» Task instructions: For each line in the records that contains "IfcColumnType", make a copy.

» Exercise inputs:
────────────────
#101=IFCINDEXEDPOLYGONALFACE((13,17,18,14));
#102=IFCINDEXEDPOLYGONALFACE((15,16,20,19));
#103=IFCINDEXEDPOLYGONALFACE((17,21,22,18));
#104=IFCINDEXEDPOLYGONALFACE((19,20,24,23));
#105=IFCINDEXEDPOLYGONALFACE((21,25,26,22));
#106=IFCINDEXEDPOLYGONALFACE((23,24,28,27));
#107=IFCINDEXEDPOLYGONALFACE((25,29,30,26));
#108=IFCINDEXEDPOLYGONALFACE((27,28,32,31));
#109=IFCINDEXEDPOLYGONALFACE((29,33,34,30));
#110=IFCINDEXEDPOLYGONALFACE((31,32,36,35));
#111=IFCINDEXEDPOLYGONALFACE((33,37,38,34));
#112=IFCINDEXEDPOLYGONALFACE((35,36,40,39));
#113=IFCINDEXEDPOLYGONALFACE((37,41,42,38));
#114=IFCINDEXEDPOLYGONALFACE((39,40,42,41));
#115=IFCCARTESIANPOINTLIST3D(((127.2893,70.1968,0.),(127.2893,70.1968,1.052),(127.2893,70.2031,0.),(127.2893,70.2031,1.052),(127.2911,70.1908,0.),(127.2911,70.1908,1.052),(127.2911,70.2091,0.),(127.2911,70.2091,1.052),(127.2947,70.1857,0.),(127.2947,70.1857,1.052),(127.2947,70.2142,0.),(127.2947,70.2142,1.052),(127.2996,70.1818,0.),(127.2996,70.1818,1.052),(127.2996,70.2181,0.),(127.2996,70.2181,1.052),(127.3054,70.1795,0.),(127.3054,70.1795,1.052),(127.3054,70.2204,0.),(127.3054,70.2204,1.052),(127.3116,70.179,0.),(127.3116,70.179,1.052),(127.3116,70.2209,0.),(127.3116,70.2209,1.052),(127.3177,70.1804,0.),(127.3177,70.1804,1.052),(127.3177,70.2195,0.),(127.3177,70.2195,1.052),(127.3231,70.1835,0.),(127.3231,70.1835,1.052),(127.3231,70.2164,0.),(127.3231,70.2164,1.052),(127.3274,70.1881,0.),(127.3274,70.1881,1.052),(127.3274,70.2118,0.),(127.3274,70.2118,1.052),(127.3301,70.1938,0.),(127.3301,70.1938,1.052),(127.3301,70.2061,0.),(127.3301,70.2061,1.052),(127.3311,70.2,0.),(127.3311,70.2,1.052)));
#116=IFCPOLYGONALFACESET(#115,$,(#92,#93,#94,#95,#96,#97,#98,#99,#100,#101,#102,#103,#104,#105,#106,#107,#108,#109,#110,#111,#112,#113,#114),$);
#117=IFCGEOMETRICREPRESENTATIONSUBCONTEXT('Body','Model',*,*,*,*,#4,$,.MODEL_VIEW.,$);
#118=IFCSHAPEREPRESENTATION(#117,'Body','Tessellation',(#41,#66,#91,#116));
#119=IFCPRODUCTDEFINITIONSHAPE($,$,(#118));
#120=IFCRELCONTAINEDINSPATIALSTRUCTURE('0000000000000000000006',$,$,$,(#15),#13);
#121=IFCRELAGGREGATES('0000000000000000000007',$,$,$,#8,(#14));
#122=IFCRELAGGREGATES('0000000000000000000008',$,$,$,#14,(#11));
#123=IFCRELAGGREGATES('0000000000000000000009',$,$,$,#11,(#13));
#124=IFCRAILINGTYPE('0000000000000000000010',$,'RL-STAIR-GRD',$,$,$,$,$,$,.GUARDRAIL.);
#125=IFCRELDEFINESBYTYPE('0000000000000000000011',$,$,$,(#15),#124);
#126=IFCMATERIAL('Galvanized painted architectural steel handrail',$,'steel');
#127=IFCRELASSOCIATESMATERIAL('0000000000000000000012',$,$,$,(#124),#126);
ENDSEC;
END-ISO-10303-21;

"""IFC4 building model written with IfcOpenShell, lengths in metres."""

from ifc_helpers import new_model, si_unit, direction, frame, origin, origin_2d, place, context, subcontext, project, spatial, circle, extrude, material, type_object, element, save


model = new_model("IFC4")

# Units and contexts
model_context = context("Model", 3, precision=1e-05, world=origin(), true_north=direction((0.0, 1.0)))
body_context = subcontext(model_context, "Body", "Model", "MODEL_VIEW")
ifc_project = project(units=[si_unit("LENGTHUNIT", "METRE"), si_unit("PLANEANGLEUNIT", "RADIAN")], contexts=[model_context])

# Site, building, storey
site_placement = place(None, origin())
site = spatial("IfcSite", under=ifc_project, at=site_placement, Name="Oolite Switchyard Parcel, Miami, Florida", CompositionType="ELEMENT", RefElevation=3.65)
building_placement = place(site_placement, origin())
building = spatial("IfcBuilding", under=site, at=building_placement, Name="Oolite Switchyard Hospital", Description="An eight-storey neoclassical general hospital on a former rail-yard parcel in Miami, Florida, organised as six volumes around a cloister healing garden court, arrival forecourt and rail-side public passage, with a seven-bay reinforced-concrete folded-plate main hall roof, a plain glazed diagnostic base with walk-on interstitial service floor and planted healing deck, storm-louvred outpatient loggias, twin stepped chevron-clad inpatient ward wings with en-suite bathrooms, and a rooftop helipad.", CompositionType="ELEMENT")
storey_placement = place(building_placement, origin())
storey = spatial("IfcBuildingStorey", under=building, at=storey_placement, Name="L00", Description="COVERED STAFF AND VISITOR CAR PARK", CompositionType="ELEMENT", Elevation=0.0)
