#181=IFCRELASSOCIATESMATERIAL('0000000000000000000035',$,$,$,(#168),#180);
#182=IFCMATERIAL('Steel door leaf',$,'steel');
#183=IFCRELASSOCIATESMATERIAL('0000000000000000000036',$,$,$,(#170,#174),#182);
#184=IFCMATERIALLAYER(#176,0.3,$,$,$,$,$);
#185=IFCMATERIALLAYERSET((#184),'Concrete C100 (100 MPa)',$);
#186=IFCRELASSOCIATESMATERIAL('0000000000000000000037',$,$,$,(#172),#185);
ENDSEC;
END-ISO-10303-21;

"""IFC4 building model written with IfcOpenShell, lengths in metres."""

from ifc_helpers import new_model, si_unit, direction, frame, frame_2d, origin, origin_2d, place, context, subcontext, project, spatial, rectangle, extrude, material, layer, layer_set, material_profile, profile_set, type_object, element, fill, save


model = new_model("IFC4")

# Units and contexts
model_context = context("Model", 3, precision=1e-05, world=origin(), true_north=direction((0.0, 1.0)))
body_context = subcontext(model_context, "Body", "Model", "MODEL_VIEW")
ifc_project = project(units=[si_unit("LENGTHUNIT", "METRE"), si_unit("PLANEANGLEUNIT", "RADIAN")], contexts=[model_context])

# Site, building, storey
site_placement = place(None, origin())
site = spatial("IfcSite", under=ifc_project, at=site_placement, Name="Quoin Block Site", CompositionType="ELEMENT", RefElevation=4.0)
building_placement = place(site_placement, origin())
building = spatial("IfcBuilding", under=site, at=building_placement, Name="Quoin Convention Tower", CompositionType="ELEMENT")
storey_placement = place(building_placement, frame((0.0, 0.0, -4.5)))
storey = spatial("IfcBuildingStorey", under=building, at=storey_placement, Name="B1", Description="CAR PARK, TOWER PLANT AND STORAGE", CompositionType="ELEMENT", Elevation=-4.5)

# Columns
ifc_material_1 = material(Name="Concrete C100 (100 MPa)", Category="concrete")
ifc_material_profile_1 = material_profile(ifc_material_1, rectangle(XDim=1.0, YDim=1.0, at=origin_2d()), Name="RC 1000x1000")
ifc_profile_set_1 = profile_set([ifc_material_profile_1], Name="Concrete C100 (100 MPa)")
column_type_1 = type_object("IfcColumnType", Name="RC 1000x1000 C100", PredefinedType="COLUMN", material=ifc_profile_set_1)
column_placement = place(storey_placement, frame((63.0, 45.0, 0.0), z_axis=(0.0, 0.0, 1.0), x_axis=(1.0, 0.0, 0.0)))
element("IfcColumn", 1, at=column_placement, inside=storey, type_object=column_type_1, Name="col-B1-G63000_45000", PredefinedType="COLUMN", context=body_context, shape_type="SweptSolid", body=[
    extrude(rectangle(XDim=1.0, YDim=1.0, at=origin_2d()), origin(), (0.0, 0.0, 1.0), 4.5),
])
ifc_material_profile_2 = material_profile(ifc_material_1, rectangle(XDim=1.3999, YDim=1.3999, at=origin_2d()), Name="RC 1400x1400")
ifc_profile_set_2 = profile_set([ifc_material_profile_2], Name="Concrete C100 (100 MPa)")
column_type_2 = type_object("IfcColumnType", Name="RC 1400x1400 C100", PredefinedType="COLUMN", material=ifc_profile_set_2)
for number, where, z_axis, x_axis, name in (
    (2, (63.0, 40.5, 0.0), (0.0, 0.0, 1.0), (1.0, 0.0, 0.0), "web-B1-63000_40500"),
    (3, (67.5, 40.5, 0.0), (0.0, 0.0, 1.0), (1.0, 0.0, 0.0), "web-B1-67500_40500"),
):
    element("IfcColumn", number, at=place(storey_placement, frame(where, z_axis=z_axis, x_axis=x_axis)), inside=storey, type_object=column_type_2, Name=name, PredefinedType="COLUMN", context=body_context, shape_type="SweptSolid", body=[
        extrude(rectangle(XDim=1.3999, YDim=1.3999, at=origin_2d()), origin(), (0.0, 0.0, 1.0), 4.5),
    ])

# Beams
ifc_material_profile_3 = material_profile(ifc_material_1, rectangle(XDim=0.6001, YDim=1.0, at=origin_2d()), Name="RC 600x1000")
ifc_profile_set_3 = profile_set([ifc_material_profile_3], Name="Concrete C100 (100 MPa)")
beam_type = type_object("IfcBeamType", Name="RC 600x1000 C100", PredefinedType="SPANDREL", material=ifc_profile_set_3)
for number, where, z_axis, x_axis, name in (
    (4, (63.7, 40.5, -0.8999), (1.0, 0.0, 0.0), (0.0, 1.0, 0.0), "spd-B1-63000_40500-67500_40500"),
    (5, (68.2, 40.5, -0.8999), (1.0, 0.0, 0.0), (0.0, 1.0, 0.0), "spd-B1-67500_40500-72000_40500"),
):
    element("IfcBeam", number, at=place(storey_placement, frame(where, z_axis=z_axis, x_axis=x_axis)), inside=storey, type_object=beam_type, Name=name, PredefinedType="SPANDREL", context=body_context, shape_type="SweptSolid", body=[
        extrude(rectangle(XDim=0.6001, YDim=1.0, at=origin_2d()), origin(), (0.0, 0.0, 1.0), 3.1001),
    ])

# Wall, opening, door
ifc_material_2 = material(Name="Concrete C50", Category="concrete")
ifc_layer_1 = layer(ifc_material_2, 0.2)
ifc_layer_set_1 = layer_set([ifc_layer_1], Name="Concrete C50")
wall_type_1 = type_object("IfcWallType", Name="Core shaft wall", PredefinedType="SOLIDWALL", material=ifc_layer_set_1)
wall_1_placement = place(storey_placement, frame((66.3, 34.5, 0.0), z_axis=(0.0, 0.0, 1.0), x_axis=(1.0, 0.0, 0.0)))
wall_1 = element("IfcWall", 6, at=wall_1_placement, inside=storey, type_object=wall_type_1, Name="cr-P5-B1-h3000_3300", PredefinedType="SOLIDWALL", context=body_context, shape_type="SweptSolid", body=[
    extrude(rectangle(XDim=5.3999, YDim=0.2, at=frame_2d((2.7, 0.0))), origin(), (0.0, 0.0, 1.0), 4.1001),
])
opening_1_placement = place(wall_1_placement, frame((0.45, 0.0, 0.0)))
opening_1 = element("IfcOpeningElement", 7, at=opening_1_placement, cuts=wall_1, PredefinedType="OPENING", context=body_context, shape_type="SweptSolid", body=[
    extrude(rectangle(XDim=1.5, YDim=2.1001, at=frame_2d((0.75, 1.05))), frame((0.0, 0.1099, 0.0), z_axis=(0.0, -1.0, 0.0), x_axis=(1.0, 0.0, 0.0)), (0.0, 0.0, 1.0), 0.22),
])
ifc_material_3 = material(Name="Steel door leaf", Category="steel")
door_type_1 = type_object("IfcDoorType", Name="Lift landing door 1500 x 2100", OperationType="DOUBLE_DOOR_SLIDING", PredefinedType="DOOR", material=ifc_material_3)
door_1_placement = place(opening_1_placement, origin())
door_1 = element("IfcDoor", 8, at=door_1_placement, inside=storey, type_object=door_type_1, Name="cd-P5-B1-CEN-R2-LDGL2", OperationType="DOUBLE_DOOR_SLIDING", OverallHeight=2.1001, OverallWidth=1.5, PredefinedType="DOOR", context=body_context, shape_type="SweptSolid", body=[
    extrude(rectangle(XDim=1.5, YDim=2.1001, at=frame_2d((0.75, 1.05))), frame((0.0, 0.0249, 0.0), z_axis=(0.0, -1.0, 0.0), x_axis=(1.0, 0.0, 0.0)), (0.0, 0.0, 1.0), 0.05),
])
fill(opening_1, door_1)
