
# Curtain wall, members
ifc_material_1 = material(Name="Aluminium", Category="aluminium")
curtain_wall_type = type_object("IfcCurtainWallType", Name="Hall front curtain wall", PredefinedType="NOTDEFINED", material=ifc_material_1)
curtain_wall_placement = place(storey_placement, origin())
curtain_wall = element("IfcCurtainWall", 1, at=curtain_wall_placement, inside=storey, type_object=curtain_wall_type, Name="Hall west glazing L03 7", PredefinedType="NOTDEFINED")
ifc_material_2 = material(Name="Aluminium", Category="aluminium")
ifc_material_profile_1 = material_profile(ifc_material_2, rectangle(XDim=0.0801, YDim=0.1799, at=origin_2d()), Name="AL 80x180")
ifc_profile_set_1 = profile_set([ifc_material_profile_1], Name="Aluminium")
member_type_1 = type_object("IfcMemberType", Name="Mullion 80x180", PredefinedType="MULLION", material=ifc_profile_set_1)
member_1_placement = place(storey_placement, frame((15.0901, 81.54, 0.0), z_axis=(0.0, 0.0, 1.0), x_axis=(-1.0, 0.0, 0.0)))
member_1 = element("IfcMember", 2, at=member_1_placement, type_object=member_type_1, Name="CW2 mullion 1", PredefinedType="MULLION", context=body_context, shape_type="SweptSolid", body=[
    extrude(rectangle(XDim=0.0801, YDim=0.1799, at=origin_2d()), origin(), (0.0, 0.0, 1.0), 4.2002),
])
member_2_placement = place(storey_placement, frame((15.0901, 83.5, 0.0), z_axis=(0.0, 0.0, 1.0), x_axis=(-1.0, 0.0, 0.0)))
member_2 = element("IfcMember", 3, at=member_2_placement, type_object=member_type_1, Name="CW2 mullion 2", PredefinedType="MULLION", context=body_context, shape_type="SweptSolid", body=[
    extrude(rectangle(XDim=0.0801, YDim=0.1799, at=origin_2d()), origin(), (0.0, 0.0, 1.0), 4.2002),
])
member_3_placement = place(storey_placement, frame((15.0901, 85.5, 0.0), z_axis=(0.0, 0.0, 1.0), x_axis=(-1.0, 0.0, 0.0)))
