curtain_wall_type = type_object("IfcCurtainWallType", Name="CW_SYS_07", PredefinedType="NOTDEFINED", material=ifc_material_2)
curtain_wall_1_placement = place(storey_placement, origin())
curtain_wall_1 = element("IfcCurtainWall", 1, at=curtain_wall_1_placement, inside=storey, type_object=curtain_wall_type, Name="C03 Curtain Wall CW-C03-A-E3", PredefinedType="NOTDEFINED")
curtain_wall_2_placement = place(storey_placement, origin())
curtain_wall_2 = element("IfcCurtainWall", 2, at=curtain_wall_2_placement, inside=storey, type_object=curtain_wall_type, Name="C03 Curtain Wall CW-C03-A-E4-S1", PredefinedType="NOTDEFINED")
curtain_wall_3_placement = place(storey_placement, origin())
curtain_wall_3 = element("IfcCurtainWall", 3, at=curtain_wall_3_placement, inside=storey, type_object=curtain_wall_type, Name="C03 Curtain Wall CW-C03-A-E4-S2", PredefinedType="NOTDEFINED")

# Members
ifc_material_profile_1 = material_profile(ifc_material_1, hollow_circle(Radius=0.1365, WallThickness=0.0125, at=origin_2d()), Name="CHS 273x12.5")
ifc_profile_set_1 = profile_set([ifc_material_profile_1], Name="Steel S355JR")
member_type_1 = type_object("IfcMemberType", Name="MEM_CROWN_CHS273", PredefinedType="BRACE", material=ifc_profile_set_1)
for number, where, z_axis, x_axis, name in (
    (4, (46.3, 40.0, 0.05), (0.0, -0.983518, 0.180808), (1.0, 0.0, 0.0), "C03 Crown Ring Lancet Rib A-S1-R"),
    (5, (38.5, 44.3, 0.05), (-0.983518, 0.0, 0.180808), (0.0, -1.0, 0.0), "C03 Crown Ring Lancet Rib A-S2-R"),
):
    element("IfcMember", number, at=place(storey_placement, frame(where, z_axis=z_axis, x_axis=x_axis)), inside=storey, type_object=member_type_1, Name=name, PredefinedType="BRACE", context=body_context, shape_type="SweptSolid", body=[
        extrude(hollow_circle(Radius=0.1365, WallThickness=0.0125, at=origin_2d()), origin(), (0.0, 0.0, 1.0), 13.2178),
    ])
────────────────
» Task output:
column_type_1 = type_object("IfcColumnType", Name="RC 1000x1000 C100", PredefinedType="COLUMN", material=ifc_profile_set_1)
column_type_2 = type_object("IfcColumnType", Name="RC 1400x1400 C100", PredefinedType="COLUMN", material=ifc_profile_set_2)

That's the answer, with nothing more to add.